-- Problem to work on --
The answer must be every line of the records in which the string "IFCGEOMETRICREPRESENTATIONSUBCONTEXT" appears.
----- Extracted material -----
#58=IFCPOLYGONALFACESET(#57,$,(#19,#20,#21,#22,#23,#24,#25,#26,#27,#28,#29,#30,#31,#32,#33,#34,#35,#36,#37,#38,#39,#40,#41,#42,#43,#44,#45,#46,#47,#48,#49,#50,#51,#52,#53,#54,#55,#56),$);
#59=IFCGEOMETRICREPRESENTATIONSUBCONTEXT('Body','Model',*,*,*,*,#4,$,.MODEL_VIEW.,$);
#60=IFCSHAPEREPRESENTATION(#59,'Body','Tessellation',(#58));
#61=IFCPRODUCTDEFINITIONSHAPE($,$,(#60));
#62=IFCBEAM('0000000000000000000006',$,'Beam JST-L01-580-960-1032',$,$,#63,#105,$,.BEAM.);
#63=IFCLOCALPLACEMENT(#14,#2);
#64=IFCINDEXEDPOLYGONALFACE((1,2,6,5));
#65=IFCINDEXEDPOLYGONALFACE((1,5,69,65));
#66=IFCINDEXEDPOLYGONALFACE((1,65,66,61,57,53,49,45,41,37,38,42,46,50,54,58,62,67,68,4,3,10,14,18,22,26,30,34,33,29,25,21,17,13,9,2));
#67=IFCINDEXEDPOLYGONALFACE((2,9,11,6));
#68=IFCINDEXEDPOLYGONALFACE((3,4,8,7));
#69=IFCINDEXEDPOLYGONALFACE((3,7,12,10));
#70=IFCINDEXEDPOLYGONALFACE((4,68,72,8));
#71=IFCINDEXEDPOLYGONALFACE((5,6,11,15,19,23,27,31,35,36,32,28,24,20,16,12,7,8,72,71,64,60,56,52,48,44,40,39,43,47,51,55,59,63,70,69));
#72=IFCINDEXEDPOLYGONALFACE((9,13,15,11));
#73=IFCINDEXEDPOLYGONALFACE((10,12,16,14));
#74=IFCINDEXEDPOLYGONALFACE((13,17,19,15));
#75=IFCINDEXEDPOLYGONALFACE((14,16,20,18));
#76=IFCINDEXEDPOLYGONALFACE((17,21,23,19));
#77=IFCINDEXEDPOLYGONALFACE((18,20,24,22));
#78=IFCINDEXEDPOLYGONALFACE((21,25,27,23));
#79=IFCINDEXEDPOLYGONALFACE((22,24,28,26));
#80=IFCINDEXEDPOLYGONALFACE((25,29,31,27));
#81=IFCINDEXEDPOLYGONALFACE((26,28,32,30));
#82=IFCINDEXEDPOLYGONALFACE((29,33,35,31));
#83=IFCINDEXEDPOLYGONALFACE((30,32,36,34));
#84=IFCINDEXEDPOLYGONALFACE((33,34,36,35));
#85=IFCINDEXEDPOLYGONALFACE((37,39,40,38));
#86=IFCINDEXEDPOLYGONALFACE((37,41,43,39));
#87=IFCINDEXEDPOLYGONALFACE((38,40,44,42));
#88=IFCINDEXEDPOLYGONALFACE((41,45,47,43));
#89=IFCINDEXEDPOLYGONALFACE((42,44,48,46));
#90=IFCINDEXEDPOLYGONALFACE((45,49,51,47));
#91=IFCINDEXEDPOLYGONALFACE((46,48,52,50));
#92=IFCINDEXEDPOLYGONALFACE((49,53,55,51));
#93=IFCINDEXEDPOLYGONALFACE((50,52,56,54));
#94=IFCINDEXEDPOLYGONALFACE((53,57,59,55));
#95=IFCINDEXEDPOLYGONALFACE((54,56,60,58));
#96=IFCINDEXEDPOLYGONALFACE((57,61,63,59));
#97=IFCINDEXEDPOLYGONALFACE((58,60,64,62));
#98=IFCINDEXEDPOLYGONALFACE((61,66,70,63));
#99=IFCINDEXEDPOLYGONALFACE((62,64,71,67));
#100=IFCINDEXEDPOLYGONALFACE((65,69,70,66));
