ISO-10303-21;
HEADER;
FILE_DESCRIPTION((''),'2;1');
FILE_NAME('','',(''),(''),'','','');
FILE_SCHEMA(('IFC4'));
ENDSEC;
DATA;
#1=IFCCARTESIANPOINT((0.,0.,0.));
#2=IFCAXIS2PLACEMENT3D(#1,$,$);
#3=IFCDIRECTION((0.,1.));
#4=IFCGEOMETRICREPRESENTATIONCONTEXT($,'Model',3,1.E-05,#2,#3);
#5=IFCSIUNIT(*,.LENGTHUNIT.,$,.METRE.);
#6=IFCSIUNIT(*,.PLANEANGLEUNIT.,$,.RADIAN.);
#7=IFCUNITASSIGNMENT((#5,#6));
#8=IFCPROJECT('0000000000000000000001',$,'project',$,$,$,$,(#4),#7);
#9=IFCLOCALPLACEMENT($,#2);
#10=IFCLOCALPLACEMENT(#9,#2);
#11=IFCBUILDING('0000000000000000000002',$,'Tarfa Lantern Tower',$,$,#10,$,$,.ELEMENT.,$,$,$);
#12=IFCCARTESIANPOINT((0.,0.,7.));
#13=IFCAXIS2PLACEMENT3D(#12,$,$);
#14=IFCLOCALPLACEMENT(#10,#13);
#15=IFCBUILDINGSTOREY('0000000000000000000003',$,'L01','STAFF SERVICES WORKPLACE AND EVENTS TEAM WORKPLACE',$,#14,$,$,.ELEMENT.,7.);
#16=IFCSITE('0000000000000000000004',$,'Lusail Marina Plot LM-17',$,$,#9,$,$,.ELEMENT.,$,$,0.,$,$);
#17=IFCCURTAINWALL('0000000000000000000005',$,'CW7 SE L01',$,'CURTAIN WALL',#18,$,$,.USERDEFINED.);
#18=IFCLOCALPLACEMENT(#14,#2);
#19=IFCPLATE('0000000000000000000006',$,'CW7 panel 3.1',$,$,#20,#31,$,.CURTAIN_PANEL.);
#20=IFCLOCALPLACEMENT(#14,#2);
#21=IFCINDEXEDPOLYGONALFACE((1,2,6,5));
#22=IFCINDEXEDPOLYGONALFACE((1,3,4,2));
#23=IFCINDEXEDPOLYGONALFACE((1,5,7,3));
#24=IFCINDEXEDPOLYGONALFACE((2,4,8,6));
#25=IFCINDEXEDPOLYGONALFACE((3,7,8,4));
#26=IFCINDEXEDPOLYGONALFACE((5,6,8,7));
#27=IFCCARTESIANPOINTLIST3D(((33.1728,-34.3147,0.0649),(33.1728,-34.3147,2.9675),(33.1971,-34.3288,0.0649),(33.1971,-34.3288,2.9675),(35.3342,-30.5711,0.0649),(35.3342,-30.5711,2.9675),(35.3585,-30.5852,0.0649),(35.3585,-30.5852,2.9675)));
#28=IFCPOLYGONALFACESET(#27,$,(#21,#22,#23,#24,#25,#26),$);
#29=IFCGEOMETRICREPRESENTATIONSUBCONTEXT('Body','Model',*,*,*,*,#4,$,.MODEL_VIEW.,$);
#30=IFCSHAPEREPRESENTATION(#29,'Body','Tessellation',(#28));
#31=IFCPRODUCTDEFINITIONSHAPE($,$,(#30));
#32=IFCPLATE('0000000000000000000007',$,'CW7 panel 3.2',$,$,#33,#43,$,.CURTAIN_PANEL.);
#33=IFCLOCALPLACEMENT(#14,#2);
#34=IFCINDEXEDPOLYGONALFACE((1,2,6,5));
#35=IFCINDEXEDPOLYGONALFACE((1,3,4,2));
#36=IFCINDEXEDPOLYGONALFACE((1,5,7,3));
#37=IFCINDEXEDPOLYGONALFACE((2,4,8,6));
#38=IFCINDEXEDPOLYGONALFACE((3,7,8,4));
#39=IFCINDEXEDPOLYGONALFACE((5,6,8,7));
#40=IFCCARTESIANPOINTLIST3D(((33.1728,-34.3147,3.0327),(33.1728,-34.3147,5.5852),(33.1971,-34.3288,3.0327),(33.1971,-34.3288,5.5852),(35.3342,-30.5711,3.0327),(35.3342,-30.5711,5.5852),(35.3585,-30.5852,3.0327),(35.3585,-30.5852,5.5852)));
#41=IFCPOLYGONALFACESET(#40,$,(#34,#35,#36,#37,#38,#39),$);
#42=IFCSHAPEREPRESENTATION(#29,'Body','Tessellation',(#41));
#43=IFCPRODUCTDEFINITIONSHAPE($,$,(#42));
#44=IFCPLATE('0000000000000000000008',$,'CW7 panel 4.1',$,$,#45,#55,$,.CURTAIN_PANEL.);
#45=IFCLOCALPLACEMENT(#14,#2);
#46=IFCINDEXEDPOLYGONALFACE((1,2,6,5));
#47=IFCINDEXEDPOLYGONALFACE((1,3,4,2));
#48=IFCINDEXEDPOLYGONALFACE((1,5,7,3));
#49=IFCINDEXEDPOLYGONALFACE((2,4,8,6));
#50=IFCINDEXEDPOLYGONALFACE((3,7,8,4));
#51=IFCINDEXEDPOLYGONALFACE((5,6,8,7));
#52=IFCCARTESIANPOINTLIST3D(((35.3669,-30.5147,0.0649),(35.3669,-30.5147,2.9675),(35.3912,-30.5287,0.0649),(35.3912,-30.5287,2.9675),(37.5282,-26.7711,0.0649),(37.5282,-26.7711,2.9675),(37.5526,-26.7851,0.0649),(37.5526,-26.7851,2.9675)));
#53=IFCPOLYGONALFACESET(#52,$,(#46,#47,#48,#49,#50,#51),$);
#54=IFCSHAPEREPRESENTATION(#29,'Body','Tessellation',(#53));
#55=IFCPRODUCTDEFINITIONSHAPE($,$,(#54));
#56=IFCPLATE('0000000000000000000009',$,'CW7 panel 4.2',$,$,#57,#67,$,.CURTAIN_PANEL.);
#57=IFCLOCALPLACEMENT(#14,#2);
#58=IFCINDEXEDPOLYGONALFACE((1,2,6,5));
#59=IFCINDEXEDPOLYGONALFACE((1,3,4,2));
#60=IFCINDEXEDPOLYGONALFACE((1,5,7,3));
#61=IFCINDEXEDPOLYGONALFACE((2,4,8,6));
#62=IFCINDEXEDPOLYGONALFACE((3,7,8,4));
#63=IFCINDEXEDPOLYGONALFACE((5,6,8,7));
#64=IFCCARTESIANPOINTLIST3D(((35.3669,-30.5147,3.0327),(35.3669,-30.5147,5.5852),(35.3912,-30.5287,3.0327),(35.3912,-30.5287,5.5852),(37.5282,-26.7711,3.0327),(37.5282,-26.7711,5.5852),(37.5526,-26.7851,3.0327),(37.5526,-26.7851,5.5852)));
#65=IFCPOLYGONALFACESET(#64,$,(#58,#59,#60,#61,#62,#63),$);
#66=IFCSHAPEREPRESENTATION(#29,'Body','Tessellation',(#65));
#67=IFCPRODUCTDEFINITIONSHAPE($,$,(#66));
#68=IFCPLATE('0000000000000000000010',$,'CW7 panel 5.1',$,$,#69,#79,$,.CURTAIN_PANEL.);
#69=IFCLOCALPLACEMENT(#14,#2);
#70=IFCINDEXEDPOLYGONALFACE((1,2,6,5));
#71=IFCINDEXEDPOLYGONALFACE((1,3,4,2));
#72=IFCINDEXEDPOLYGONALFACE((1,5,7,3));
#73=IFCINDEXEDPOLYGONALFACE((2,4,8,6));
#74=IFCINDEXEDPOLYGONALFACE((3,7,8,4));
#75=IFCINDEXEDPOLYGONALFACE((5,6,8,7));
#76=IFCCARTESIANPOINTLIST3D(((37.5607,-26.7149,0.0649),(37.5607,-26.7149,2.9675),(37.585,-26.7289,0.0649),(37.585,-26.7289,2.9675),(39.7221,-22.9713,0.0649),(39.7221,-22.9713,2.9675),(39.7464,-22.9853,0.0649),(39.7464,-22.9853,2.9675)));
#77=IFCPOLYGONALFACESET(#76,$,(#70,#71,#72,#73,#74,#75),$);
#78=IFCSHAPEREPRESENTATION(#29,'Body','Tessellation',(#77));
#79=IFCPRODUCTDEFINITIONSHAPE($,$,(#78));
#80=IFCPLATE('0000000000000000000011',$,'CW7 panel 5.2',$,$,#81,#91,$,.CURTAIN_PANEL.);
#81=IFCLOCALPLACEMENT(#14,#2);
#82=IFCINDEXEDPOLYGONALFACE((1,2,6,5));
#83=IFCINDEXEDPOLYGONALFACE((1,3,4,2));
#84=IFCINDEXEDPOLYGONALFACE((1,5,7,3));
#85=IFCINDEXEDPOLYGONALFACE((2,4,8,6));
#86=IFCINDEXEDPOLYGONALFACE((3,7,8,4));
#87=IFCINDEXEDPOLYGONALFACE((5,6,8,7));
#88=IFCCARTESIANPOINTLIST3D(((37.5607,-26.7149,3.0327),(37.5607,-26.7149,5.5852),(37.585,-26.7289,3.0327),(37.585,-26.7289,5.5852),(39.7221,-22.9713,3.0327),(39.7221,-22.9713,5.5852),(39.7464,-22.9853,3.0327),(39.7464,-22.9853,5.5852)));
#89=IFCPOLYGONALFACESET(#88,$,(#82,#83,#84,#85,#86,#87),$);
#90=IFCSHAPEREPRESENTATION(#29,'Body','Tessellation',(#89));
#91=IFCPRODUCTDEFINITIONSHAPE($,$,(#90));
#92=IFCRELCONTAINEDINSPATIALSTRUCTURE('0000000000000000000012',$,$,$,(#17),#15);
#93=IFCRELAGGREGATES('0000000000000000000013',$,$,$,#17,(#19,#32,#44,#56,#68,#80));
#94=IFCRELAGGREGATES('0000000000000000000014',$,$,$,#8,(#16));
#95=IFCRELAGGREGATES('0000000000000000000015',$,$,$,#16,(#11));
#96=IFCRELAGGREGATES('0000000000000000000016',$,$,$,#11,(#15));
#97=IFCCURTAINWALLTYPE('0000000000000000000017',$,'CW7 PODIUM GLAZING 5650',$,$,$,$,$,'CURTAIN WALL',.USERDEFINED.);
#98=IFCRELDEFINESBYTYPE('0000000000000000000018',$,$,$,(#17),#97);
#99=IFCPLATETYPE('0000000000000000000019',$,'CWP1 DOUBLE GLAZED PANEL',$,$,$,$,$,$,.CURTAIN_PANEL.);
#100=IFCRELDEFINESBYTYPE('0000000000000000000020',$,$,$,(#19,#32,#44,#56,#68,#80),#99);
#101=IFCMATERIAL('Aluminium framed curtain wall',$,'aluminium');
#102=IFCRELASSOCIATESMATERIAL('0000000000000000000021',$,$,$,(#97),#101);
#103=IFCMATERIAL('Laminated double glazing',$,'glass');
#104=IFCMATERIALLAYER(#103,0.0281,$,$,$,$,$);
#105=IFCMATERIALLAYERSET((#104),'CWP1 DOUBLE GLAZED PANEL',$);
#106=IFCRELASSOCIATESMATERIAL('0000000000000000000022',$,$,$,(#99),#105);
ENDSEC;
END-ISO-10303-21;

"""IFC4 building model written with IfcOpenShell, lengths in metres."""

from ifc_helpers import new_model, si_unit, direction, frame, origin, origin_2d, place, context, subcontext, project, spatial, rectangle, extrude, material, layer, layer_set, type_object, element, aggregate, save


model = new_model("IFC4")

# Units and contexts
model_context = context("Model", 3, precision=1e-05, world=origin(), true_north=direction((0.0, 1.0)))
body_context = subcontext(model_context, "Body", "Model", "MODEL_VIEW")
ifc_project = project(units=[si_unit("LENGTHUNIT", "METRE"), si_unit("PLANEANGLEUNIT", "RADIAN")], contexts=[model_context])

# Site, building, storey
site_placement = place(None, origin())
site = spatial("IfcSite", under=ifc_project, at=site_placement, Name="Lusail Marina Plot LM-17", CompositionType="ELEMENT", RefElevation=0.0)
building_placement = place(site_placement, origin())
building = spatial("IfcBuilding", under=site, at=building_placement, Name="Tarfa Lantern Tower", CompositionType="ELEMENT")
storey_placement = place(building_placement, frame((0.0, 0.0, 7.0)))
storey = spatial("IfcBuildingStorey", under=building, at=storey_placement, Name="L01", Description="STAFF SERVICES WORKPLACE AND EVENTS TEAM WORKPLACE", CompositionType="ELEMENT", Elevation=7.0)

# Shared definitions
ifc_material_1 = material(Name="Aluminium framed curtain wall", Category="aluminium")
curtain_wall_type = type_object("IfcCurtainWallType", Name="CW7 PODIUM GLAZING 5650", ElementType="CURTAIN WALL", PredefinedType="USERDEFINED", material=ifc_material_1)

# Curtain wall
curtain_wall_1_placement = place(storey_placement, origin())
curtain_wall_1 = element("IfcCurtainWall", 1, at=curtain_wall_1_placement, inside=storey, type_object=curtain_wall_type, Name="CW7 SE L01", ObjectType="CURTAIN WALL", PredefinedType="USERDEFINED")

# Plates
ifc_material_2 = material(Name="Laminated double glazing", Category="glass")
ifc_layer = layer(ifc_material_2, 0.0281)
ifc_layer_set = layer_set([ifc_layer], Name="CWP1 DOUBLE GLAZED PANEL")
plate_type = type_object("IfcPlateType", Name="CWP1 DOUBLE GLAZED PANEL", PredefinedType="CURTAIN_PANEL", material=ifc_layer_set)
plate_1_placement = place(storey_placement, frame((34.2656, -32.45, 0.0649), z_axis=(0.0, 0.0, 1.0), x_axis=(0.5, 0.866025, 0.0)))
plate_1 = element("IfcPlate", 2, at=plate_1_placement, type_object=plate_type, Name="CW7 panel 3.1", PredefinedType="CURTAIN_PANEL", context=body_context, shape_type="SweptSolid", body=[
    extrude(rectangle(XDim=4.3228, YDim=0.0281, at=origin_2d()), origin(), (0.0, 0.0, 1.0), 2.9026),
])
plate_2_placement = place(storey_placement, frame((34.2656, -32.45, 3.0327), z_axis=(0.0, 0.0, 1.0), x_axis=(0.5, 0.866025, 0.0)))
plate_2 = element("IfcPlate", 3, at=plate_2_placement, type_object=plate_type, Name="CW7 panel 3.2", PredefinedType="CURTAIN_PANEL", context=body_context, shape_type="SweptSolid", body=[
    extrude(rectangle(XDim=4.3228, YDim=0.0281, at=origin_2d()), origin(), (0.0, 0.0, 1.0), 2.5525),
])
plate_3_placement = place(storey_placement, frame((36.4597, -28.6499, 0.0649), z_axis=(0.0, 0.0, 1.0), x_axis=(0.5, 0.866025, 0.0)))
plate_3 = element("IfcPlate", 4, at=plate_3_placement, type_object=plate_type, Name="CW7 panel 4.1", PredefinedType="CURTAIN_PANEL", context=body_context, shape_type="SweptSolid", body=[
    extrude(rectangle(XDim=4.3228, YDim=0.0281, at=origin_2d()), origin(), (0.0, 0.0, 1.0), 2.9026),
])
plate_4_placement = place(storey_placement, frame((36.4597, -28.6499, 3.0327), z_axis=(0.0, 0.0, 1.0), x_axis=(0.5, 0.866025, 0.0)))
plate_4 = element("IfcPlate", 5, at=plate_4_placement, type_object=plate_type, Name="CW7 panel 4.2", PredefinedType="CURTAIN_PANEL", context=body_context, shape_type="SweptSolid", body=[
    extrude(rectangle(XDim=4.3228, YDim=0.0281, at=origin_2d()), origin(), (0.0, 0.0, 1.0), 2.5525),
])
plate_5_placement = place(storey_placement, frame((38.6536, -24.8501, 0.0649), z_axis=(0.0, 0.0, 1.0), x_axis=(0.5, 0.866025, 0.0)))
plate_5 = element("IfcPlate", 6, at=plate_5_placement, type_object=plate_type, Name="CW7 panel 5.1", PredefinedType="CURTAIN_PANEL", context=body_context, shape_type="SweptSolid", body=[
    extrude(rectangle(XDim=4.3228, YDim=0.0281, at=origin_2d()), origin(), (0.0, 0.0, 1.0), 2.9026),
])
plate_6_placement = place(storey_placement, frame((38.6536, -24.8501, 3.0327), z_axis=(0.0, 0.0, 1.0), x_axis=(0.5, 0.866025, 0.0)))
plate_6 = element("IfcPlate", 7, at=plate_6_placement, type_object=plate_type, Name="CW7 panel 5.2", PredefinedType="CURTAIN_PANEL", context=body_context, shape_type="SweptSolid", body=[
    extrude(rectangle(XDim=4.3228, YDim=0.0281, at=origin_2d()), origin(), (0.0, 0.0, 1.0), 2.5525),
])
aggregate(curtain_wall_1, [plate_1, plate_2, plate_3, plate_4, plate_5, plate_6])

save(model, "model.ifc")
-----
-- Output for this exercise --
#59=IFCGEOMETRICREPRESENTATIONSUBCONTEXT('Body','Model',*,*,*,*,#4,$,.MODEL_VIEW.,$);
#29=IFCGEOMETRICREPRESENTATIONSUBCONTEXT('Body','Model',*,*,*,*,#4,$,.MODEL_VIEW.,$);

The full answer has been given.